Only the lines below from the one containing "in a storey), IfcRelDefinesByType, IfcRelAssociatesMaterial" to the one containing "building_placement = place(site_placement, origin())" should be repeated, both included and unchanged.

*SOURCE DATA*
☆ ☆ ☆
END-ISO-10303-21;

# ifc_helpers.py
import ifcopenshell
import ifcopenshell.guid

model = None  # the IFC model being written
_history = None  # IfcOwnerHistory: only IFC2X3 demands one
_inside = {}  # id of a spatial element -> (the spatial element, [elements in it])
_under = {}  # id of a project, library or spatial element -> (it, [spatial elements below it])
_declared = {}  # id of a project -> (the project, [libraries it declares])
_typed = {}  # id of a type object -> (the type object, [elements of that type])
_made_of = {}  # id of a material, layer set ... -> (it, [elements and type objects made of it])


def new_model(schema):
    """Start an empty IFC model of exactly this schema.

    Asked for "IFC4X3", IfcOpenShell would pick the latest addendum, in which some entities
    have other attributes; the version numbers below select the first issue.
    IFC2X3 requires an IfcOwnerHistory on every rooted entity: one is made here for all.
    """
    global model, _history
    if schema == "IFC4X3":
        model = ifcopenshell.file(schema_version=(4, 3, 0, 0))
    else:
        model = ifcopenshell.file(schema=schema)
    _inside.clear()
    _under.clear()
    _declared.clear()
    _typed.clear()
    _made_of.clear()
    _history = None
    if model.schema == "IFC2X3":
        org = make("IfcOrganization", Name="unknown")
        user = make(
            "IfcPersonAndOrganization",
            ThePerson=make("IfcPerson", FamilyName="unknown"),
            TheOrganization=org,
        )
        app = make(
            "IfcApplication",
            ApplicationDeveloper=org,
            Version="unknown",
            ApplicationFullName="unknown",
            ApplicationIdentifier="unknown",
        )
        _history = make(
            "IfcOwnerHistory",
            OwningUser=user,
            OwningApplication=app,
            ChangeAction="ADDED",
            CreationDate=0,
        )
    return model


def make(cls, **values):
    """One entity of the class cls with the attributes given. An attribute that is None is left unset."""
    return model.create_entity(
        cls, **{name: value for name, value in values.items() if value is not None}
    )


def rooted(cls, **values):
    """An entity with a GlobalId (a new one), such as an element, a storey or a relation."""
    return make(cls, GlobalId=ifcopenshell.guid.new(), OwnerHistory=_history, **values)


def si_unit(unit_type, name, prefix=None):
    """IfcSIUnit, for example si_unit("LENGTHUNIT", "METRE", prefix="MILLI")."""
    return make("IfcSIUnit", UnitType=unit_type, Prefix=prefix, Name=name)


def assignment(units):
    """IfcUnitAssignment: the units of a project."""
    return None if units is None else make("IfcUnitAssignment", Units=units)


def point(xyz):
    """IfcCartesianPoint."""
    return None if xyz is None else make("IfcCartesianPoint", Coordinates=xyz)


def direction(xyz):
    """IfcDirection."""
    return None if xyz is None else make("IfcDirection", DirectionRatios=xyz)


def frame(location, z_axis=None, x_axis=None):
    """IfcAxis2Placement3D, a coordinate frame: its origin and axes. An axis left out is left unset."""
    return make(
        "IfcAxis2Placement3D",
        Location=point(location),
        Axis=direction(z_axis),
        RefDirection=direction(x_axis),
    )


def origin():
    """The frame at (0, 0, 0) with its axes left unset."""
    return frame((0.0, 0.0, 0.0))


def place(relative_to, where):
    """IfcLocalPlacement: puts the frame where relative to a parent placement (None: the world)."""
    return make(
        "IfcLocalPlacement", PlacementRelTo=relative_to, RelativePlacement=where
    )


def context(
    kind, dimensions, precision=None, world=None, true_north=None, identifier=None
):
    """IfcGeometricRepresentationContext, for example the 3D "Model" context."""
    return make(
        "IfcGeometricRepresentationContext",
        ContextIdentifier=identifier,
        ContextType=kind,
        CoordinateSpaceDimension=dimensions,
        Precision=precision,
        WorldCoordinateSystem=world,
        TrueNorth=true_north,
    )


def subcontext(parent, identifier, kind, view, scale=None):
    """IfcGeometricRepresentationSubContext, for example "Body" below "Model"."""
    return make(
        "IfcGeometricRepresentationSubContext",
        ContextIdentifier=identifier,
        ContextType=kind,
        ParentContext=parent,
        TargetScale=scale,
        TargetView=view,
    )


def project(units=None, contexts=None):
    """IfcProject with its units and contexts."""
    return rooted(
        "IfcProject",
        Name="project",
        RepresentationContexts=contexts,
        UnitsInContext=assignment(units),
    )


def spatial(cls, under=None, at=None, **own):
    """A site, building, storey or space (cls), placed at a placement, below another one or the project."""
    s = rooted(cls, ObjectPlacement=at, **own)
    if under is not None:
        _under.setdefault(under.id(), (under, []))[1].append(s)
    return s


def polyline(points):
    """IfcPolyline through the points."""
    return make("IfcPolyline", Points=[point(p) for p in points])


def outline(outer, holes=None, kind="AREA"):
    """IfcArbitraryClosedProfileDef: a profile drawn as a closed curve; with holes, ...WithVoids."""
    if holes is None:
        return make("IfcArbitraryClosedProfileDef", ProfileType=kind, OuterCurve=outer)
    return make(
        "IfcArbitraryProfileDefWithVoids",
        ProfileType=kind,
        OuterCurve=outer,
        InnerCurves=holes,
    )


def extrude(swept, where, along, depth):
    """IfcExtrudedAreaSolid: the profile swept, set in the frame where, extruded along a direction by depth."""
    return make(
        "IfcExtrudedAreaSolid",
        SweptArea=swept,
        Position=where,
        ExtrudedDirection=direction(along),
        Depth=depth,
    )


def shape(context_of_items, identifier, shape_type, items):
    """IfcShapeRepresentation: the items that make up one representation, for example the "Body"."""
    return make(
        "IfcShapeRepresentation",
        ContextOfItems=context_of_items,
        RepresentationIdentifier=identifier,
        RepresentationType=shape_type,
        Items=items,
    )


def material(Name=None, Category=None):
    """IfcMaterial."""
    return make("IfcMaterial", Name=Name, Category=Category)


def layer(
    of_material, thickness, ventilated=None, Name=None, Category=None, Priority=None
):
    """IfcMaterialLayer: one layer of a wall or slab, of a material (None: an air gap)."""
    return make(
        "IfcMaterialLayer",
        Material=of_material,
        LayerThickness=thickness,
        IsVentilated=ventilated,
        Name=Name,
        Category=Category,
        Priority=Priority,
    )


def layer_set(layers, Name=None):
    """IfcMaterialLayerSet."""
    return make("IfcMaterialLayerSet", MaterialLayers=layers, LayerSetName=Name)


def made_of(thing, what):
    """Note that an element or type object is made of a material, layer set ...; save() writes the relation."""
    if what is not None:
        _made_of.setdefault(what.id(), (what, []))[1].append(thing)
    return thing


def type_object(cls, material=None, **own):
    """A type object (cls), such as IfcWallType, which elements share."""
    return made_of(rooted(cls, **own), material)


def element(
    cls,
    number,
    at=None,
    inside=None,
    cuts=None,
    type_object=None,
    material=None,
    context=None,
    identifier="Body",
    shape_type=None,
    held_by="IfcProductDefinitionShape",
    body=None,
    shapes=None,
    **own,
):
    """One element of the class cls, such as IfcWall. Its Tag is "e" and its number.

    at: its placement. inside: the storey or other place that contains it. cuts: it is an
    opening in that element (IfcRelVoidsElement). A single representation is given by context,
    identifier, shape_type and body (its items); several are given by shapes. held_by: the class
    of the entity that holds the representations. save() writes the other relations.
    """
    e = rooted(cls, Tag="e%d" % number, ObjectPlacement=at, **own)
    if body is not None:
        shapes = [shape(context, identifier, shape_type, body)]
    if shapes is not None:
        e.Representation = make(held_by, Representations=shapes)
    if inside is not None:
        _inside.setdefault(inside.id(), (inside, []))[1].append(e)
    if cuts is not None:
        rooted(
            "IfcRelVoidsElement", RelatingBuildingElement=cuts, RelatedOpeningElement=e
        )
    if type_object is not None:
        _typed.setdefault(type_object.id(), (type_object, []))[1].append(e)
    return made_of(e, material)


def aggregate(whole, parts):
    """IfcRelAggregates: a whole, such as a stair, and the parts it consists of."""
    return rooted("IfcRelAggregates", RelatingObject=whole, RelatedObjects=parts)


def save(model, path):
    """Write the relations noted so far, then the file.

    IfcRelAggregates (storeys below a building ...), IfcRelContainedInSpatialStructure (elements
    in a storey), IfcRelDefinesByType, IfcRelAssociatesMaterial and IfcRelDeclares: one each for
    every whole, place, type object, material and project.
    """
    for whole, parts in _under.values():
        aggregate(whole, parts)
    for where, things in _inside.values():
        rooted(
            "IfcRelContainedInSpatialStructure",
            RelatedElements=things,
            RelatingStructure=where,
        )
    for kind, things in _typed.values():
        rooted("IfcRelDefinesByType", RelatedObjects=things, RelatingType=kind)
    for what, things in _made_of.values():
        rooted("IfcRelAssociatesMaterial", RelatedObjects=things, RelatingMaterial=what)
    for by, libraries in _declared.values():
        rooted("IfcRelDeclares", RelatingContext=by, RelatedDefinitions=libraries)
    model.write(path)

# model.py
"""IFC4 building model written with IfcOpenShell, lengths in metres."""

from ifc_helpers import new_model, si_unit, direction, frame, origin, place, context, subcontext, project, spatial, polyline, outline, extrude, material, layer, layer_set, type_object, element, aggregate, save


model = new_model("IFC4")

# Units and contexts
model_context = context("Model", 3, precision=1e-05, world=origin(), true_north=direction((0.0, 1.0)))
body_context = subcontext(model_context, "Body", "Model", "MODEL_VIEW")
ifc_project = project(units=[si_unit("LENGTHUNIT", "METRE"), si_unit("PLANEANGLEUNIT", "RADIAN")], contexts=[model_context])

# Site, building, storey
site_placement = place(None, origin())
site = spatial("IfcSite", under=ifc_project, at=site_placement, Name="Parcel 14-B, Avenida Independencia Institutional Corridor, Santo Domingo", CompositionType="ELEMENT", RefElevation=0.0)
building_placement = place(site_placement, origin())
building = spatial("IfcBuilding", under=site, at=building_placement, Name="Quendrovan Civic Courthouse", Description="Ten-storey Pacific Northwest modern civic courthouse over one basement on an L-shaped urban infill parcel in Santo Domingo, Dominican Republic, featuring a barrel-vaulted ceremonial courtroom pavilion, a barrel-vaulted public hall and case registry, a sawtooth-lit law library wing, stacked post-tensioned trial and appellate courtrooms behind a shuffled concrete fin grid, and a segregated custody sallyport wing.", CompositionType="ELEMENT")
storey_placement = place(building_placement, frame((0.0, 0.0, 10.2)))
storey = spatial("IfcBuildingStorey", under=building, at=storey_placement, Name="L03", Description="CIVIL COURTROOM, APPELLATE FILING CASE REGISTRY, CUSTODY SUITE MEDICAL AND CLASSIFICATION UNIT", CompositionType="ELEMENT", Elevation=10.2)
☆ ☆ ☆
*ANSWER BOX*
    in a storey), IfcRelDefinesByType, IfcRelAssociatesMaterial and IfcRelDeclares: one each for
    every whole, place, type object, material and project.
    """
    for whole, parts in _under.values():
        aggregate(whole, parts)
    for where, things in _inside.values():
        rooted(
            "IfcRelContainedInSpatialStructure",
            RelatedElements=things,
            RelatingStructure=where,
        )
    for kind, things in _typed.values():
        rooted("IfcRelDefinesByType", RelatedObjects=things, RelatingType=kind)
    for what, things in _made_of.values():
        rooted("IfcRelAssociatesMaterial", RelatedObjects=things, RelatingMaterial=what)
    for by, libraries in _declared.values():
        rooted("IfcRelDeclares", RelatingContext=by, RelatedDefinitions=libraries)
    model.write(path)

# model.py
"""IFC4 building model written with IfcOpenShell, lengths in metres."""

from ifc_helpers import new_model, si_unit, direction, frame, origin, place, context, subcontext, project, spatial, polyline, outline, extrude, material, layer, layer_set, type_object, element, aggregate, save


model = new_model("IFC4")

# Units and contexts
model_context = context("Model", 3, precision=1e-05, world=origin(), true_north=direction((0.0, 1.0)))
body_context = subcontext(model_context, "Body", "Model", "MODEL_VIEW")
ifc_project = project(units=[si_unit("LENGTHUNIT", "METRE"), si_unit("PLANEANGLEUNIT", "RADIAN")], contexts=[model_context])

# Site, building, storey
site_placement = place(None, origin())
site = spatial("IfcSite", under=ifc_project, at=site_placement, Name="Parcel 14-B, Avenida Independencia Institutional Corridor, Santo Domingo", CompositionType="ELEMENT", RefElevation=0.0)
building_placement = place(site_placement, origin())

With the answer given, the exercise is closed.